Nothing in the entries should change; repeat them exactly.
##### RAW DATA #####
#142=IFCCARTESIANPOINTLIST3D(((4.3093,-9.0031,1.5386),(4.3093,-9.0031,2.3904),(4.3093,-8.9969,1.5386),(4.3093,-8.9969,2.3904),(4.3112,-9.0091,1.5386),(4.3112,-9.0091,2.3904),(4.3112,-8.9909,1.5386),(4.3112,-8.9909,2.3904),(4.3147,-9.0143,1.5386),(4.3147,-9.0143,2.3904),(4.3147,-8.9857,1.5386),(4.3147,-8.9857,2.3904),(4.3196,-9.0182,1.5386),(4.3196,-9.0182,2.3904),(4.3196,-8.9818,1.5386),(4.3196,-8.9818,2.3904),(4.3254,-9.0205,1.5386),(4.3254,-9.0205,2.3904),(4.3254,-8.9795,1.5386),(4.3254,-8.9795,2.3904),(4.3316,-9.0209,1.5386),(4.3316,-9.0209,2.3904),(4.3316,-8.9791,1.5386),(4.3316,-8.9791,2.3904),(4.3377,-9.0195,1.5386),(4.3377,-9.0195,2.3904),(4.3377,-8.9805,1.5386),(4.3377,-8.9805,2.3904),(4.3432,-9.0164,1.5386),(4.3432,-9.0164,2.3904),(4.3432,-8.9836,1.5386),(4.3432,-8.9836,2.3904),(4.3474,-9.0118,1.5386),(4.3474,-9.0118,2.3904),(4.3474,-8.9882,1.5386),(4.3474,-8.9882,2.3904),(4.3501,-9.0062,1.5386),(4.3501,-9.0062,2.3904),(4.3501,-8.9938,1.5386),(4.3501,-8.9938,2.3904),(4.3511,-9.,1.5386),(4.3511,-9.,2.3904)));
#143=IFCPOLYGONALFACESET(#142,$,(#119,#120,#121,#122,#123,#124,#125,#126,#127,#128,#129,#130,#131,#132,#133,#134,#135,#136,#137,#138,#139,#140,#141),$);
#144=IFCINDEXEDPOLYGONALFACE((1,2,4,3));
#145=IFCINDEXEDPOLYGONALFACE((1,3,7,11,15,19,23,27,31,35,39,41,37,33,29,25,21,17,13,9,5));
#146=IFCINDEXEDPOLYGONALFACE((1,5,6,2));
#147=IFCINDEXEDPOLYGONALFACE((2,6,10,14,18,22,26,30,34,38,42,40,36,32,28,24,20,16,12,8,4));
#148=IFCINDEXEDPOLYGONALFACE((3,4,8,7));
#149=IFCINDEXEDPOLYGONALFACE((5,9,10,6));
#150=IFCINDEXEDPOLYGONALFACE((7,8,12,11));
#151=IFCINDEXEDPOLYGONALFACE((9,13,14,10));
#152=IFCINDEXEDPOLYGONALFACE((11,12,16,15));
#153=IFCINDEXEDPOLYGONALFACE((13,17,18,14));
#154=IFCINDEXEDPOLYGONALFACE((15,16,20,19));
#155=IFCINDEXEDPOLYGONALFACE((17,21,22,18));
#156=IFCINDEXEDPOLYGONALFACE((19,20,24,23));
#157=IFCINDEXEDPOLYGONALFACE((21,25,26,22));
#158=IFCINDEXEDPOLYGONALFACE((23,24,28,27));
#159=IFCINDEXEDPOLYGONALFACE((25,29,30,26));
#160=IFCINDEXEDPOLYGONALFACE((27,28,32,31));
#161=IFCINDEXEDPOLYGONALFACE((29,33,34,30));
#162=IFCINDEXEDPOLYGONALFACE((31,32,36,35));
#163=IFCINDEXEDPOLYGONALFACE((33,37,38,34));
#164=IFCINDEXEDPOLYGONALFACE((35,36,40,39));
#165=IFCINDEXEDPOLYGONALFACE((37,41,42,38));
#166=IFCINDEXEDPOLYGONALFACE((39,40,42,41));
#####
# RESPONSE BOX:
#142=IFCCARTESIANPOINTLIST3D(((4.3093,-9.0031,1.5386),(4.3093,-9.0031,2.3904),(4.3093,-8.9969,1.5386),(4.3093,-8.9969,2.3904),(4.3112,-9.0091,1.5386),(4.3112,-9.0091,2.3904),(4.3112,-8.9909,1.5386),(4.3112,-8.9909,2.3904),(4.3147,-9.0143,1.5386),(4.3147,-9.0143,2.3904),(4.3147,-8.9857,1.5386),(4.3147,-8.9857,2.3904),(4.3196,-9.0182,1.5386),(4.3196,-9.0182,2.3904),(4.3196,-8.9818,1.5386),(4.3196,-8.9818,2.3904),(4.3254,-9.0205,1.5386),(4.3254,-9.0205,2.3904),(4.3254,-8.9795,1.5386),(4.3254,-8.9795,2.3904),(4.3316,-9.0209,1.5386),(4.3316,-9.0209,2.3904),(4.3316,-8.9791,1.5386),(4.3316,-8.9791,2.3904),(4.3377,-9.0195,1.5386),(4.3377,-9.0195,2.3904),(4.3377,-8.9805,1.5386),(4.3377,-8.9805,2.3904),(4.3432,-9.0164,1.5386),(4.3432,-9.0164,2.3904),(4.3432,-8.9836,1.5386),(4.3432,-8.9836,2.3904),(4.3474,-9.0118,1.5386),(4.3474,-9.0118,2.3904),(4.3474,-8.9882,1.5386),(4.3474,-8.9882,2.3904),(4.3501,-9.0062,1.5386),(4.3501,-9.0062,2.3904),(4.3501,-8.9938,1.5386),(4.3501,-8.9938,2.3904),(4.3511,-9.,1.5386),(4.3511,-9.,2.3904)));
#143=IFCPOLYGONALFACESET(#142,$,(#119,#120,#121,#122,#123,#124,#125,#126,#127,#128,#129,#130,#131,#132,#133,#134,#135,#136,#137,#138,#139,#140,#141),$);
#144=IFCINDEXEDPOLYGONALFACE((1,2,4,3));
#145=IFCINDEXEDPOLYGONALFACE((1,3,7,11,15,19,23,27,31,35,39,41,37,33,29,25,21,17,13,9,5));
#146=IFCINDEXEDPOLYGONALFACE((1,5,6,2));
#147=IFCINDEXEDPOLYGONALFACE((2,6,10,14,18,22,26,30,34,38,42,40,36,32,28,24,20,16,12,8,4));
#148=IFCINDEXEDPOLYGONALFACE((3,4,8,7));
#149=IFCINDEXEDPOLYGONALFACE((5,9,10,6));
#150=IFCINDEXEDPOLYGONALFACE((7,8,12,11));
#151=IFCINDEXEDPOLYGONALFACE((9,13,14,10));
#152=IFCINDEXEDPOLYGONALFACE((11,12,16,15));
#153=IFCINDEXEDPOLYGONALFACE((13,17,18,14));
#154=IFCINDEXEDPOLYGONALFACE((15,16,20,19));
#155=IFCINDEXEDPOLYGONALFACE((17,21,22,18));
#156=IFCINDEXEDPOLYGONALFACE((19,20,24,23));
#157=IFCINDEXEDPOLYGONALFACE((21,25,26,22));
#158=IFCINDEXEDPOLYGONALFACE((23,24,28,27));
#159=IFCINDEXEDPOLYGONALFACE((25,29,30,26));
#160=IFCINDEXEDPOLYGONALFACE((27,28,32,31));
#161=IFCINDEXEDPOLYGONALFACE((29,33,34,30));
#162=IFCINDEXEDPOLYGONALFACE((31,32,36,35));
#163=IFCINDEXEDPOLYGONALFACE((33,37,38,34));
#164=IFCINDEXEDPOLYGONALFACE((35,36,40,39));
#165=IFCINDEXEDPOLYGONALFACE((37,41,42,38));
#166=IFCINDEXEDPOLYGONALFACE((39,40,42,41));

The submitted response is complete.